_Work request_. A verbatim reproduction of all the entries is needed.

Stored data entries
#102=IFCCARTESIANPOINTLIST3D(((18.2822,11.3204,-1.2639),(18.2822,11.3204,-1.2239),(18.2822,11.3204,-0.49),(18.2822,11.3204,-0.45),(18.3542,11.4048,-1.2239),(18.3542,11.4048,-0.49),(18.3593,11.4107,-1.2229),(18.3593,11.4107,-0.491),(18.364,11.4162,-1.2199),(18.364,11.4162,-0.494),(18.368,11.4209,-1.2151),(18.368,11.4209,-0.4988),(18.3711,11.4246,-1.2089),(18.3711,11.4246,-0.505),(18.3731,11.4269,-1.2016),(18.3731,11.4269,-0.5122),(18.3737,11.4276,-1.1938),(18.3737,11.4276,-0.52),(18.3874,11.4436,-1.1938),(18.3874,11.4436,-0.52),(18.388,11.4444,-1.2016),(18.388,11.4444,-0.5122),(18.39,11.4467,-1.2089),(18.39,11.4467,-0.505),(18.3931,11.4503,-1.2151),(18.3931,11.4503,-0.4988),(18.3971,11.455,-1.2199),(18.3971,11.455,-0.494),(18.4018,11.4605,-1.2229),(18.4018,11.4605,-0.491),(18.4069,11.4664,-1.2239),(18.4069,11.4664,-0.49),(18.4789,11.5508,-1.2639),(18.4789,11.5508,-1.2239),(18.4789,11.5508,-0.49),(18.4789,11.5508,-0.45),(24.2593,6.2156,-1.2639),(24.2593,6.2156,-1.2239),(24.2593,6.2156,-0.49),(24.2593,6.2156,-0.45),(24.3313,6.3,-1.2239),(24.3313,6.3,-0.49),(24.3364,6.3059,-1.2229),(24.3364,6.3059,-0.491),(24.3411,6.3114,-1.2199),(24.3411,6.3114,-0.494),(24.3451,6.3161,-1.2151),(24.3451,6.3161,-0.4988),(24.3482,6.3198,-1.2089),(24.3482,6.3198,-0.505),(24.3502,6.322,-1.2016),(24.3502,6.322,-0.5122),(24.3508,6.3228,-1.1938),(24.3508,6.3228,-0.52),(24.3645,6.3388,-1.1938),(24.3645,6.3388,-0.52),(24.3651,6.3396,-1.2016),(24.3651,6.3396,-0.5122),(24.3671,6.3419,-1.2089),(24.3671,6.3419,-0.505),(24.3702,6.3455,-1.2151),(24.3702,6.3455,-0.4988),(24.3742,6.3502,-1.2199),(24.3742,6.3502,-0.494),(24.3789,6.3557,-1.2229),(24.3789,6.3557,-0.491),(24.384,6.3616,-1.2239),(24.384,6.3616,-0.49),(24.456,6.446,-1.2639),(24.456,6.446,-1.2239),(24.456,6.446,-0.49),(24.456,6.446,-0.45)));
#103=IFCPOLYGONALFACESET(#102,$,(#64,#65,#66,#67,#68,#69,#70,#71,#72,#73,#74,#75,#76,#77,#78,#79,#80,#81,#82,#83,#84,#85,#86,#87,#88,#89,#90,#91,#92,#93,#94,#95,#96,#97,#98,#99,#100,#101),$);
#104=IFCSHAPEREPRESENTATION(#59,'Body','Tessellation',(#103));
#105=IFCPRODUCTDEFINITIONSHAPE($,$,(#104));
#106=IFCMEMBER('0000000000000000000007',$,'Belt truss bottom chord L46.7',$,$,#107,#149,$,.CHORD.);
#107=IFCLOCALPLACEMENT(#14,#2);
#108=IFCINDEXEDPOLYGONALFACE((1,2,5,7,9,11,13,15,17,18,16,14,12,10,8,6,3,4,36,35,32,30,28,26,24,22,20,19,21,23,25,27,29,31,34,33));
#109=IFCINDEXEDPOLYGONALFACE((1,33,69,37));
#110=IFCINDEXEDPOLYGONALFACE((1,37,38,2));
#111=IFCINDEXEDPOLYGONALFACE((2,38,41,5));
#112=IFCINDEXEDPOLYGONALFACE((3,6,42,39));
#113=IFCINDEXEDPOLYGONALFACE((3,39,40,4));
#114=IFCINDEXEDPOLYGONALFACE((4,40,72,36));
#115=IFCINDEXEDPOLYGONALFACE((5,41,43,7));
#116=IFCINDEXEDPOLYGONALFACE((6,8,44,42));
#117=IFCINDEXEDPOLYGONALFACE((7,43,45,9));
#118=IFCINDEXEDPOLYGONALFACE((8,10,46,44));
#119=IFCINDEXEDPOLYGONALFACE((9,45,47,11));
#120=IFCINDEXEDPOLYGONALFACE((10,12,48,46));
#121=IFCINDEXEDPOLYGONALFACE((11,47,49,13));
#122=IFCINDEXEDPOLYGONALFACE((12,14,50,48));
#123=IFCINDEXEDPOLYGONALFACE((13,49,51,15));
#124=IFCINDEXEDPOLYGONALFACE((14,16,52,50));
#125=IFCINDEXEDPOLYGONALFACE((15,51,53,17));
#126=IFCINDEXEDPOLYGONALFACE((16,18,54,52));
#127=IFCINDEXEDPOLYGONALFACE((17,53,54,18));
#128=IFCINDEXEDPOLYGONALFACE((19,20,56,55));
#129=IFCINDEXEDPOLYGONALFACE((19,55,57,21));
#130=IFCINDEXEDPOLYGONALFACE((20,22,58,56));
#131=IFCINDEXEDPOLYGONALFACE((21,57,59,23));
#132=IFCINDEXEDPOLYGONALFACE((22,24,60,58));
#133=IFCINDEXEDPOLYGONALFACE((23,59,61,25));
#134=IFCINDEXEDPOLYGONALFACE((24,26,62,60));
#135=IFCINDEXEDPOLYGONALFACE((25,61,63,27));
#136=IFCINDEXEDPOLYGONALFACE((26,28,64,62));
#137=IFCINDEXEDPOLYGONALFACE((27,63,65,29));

_Written response_.
#102=IFCCARTESIANPOINTLIST3D(((18.2822,11.3204,-1.2639),(18.2822,11.3204,-1.2239),(18.2822,11.3204,-0.49),(18.2822,11.3204,-0.45),(18.3542,11.4048,-1.2239),(18.3542,11.4048,-0.49),(18.3593,11.4107,-1.2229),(18.3593,11.4107,-0.491),(18.364,11.4162,-1.2199),(18.364,11.4162,-0.494),(18.368,11.4209,-1.2151),(18.368,11.4209,-0.4988),(18.3711,11.4246,-1.2089),(18.3711,11.4246,-0.505),(18.3731,11.4269,-1.2016),(18.3731,11.4269,-0.5122),(18.3737,11.4276,-1.1938),(18.3737,11.4276,-0.52),(18.3874,11.4436,-1.1938),(18.3874,11.4436,-0.52),(18.388,11.4444,-1.2016),(18.388,11.4444,-0.5122),(18.39,11.4467,-1.2089),(18.39,11.4467,-0.505),(18.3931,11.4503,-1.2151),(18.3931,11.4503,-0.4988),(18.3971,11.455,-1.2199),(18.3971,11.455,-0.494),(18.4018,11.4605,-1.2229),(18.4018,11.4605,-0.491),(18.4069,11.4664,-1.2239),(18.4069,11.4664,-0.49),(18.4789,11.5508,-1.2639),(18.4789,11.5508,-1.2239),(18.4789,11.5508,-0.49),(18.4789,11.5508,-0.45),(24.2593,6.2156,-1.2639),(24.2593,6.2156,-1.2239),(24.2593,6.2156,-0.49),(24.2593,6.2156,-0.45),(24.3313,6.3,-1.2239),(24.3313,6.3,-0.49),(24.3364,6.3059,-1.2229),(24.3364,6.3059,-0.491),(24.3411,6.3114,-1.2199),(24.3411,6.3114,-0.494),(24.3451,6.3161,-1.2151),(24.3451,6.3161,-0.4988),(24.3482,6.3198,-1.2089),(24.3482,6.3198,-0.505),(24.3502,6.322,-1.2016),(24.3502,6.322,-0.5122),(24.3508,6.3228,-1.1938),(24.3508,6.3228,-0.52),(24.3645,6.3388,-1.1938),(24.3645,6.3388,-0.52),(24.3651,6.3396,-1.2016),(24.3651,6.3396,-0.5122),(24.3671,6.3419,-1.2089),(24.3671,6.3419,-0.505),(24.3702,6.3455,-1.2151),(24.3702,6.3455,-0.4988),(24.3742,6.3502,-1.2199),(24.3742,6.3502,-0.494),(24.3789,6.3557,-1.2229),(24.3789,6.3557,-0.491),(24.384,6.3616,-1.2239),(24.384,6.3616,-0.49),(24.456,6.446,-1.2639),(24.456,6.446,-1.2239),(24.456,6.446,-0.49),(24.456,6.446,-0.45)));
#103=IFCPOLYGONALFACESET(#102,$,(#64,#65,#66,#67,#68,#69,#70,#71,#72,#73,#74,#75,#76,#77,#78,#79,#80,#81,#82,#83,#84,#85,#86,#87,#88,#89,#90,#91,#92,#93,#94,#95,#96,#97,#98,#99,#100,#101),$);
#104=IFCSHAPEREPRESENTATION(#59,'Body','Tessellation',(#103));
#105=IFCPRODUCTDEFINITIONSHAPE($,$,(#104));
#106=IFCMEMBER('0000000000000000000007',$,'Belt truss bottom chord L46.7',$,$,#107,#149,$,.CHORD.);
#107=IFCLOCALPLACEMENT(#14,#2);
#108=IFCINDEXEDPOLYGONALFACE((1,2,5,7,9,11,13,15,17,18,16,14,12,10,8,6,3,4,36,35,32,30,28,26,24,22,20,19,21,23,25,27,29,31,34,33));
#109=IFCINDEXEDPOLYGONALFACE((1,33,69,37));
#110=IFCINDEXEDPOLYGONALFACE((1,37,38,2));
#111=IFCINDEXEDPOLYGONALFACE((2,38,41,5));
#112=IFCINDEXEDPOLYGONALFACE((3,6,42,39));
#113=IFCINDEXEDPOLYGONALFACE((3,39,40,4));
#114=IFCINDEXEDPOLYGONALFACE((4,40,72,36));
#115=IFCINDEXEDPOLYGONALFACE((5,41,43,7));
#116=IFCINDEXEDPOLYGONALFACE((6,8,44,42));
#117=IFCINDEXEDPOLYGONALFACE((7,43,45,9));
#118=IFCINDEXEDPOLYGONALFACE((8,10,46,44));
#119=IFCINDEXEDPOLYGONALFACE((9,45,47,11));
#120=IFCINDEXEDPOLYGONALFACE((10,12,48,46));
#121=IFCINDEXEDPOLYGONALFACE((11,47,49,13));
#122=IFCINDEXEDPOLYGONALFACE((12,14,50,48));
#123=IFCINDEXEDPOLYGONALFACE((13,49,51,15));
#124=IFCINDEXEDPOLYGONALFACE((14,16,52,50));
#125=IFCINDEXEDPOLYGONALFACE((15,51,53,17));
#126=IFCINDEXEDPOLYGONALFACE((16,18,54,52));
#127=IFCINDEXEDPOLYGONALFACE((17,53,54,18));
#128=IFCINDEXEDPOLYGONALFACE((19,20,56,55));
#129=IFCINDEXEDPOLYGONALFACE((19,55,57,21));
#130=IFCINDEXEDPOLYGONALFACE((20,22,58,56));
#131=IFCINDEXEDPOLYGONALFACE((21,57,59,23));
#132=IFCINDEXEDPOLYGONALFACE((22,24,60,58));
#133=IFCINDEXEDPOLYGONALFACE((23,59,61,25));
#134=IFCINDEXEDPOLYGONALFACE((24,26,62,60));
#135=IFCINDEXEDPOLYGONALFACE((25,61,63,27));
#136=IFCINDEXEDPOLYGONALFACE((26,28,64,62));
#137=IFCINDEXEDPOLYGONALFACE((27,63,65,29));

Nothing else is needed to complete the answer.